Stored items:

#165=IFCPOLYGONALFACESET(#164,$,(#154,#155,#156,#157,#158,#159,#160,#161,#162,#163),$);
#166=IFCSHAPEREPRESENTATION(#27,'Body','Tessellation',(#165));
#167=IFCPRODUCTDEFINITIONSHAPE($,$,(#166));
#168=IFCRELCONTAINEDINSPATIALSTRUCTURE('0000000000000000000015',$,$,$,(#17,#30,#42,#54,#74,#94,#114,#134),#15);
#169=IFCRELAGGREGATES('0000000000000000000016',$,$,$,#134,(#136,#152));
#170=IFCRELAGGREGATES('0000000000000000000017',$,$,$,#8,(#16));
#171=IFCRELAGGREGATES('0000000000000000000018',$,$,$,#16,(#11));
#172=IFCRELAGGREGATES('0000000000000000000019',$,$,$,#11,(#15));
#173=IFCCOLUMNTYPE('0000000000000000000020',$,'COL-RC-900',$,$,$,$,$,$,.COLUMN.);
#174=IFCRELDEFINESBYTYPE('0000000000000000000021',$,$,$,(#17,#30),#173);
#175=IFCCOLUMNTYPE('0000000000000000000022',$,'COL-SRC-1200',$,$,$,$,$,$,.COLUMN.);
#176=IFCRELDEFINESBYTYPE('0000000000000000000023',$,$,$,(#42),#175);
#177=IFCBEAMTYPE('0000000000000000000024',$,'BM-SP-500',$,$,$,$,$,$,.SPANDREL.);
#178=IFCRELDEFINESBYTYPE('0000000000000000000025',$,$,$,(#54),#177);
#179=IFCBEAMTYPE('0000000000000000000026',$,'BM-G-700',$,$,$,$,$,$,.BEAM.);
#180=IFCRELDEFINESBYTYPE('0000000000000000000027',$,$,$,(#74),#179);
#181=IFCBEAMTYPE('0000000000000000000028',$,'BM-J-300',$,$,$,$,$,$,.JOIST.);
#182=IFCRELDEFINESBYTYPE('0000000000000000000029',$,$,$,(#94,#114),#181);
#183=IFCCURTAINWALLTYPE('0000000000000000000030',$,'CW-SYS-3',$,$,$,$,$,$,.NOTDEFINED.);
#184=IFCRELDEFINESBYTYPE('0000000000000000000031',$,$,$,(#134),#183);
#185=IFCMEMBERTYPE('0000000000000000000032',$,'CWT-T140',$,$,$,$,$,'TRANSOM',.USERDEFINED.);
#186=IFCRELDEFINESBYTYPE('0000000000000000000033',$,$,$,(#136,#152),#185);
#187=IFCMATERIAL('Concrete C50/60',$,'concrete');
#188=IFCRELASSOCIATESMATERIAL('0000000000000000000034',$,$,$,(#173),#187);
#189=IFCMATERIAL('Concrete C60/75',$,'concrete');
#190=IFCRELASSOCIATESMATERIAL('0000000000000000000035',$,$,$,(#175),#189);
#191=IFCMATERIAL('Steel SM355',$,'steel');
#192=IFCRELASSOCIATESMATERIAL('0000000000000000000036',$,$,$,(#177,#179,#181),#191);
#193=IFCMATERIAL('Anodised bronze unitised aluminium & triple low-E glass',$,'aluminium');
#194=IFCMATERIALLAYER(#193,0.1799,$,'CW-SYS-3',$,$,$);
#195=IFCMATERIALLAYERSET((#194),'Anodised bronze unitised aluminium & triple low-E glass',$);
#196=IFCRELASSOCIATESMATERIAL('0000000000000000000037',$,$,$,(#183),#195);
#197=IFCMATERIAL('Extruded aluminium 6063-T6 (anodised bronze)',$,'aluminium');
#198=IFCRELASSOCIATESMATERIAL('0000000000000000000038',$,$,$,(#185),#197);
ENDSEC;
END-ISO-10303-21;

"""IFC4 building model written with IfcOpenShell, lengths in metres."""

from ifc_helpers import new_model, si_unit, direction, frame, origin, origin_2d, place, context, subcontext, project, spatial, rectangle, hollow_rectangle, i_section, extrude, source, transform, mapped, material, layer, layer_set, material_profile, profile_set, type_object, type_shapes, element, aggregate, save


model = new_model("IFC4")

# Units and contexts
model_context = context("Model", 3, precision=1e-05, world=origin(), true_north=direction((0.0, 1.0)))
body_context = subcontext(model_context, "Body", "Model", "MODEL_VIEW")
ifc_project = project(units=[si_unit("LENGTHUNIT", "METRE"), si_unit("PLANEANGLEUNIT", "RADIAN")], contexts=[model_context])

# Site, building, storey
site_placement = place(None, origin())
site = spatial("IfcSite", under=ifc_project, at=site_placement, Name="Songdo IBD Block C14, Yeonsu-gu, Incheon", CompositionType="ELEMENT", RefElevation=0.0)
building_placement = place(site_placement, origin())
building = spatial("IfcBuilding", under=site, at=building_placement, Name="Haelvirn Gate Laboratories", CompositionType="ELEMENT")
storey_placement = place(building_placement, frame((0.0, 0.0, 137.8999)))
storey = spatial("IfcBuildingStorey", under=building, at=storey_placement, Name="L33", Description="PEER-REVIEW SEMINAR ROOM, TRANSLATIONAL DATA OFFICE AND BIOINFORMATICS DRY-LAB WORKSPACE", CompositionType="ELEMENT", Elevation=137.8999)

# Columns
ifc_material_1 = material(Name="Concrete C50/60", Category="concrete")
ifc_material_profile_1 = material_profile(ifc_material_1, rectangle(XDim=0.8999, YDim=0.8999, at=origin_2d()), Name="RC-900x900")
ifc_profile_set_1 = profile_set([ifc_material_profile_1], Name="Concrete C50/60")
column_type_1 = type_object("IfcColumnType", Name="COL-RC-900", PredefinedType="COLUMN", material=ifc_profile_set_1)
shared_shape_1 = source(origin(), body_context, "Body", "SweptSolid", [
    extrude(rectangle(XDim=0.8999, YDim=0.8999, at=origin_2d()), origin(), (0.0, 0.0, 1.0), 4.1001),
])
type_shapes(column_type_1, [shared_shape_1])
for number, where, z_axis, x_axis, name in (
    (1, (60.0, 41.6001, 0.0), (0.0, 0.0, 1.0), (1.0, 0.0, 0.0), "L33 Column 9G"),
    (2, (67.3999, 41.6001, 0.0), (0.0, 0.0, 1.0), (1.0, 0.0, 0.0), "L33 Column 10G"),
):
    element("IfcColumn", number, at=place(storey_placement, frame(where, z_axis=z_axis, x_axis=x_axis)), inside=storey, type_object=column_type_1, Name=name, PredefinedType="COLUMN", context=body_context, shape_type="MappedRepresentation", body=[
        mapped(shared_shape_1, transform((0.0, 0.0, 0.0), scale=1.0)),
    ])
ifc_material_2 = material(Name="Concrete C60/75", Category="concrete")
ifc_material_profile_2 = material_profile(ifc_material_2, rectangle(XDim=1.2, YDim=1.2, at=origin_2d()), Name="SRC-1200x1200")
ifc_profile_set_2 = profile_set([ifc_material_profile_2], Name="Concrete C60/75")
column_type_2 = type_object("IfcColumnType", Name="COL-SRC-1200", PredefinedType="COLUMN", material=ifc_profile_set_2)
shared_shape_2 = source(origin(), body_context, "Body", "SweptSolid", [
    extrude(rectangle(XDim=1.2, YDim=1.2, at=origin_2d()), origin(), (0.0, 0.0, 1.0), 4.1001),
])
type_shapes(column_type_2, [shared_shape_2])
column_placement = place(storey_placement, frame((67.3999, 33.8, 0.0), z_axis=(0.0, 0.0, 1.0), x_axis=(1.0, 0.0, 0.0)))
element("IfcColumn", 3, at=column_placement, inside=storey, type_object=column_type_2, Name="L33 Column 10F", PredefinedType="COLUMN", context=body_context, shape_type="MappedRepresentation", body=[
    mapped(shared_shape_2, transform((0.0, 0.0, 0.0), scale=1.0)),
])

■ Problem to solve
Look over the records above, and wherever a line contains the string "frame", copy that line.

■ The answer
from ifc_helpers import new_model, si_unit, direction, frame, origin, origin_2d, place, context, subcontext, project, spatial, rectangle, hollow_rectangle, i_section, extrude, source, transform, mapped, material, layer, layer_set, material_profile, profile_set, type_object, type_shapes, element, aggregate, save
storey_placement = place(building_placement, frame((0.0, 0.0, 137.8999)))
    element("IfcColumn", number, at=place(storey_placement, frame(where, z_axis=z_axis, x_axis=x_axis)), inside=storey, type_object=column_type_1, Name=name, PredefinedType="COLUMN", context=body_context, shape_type="MappedRepresentation", body=[
column_placement = place(storey_placement, frame((67.3999, 33.8, 0.0), z_axis=(0.0, 0.0, 1.0), x_axis=(1.0, 0.0, 0.0)))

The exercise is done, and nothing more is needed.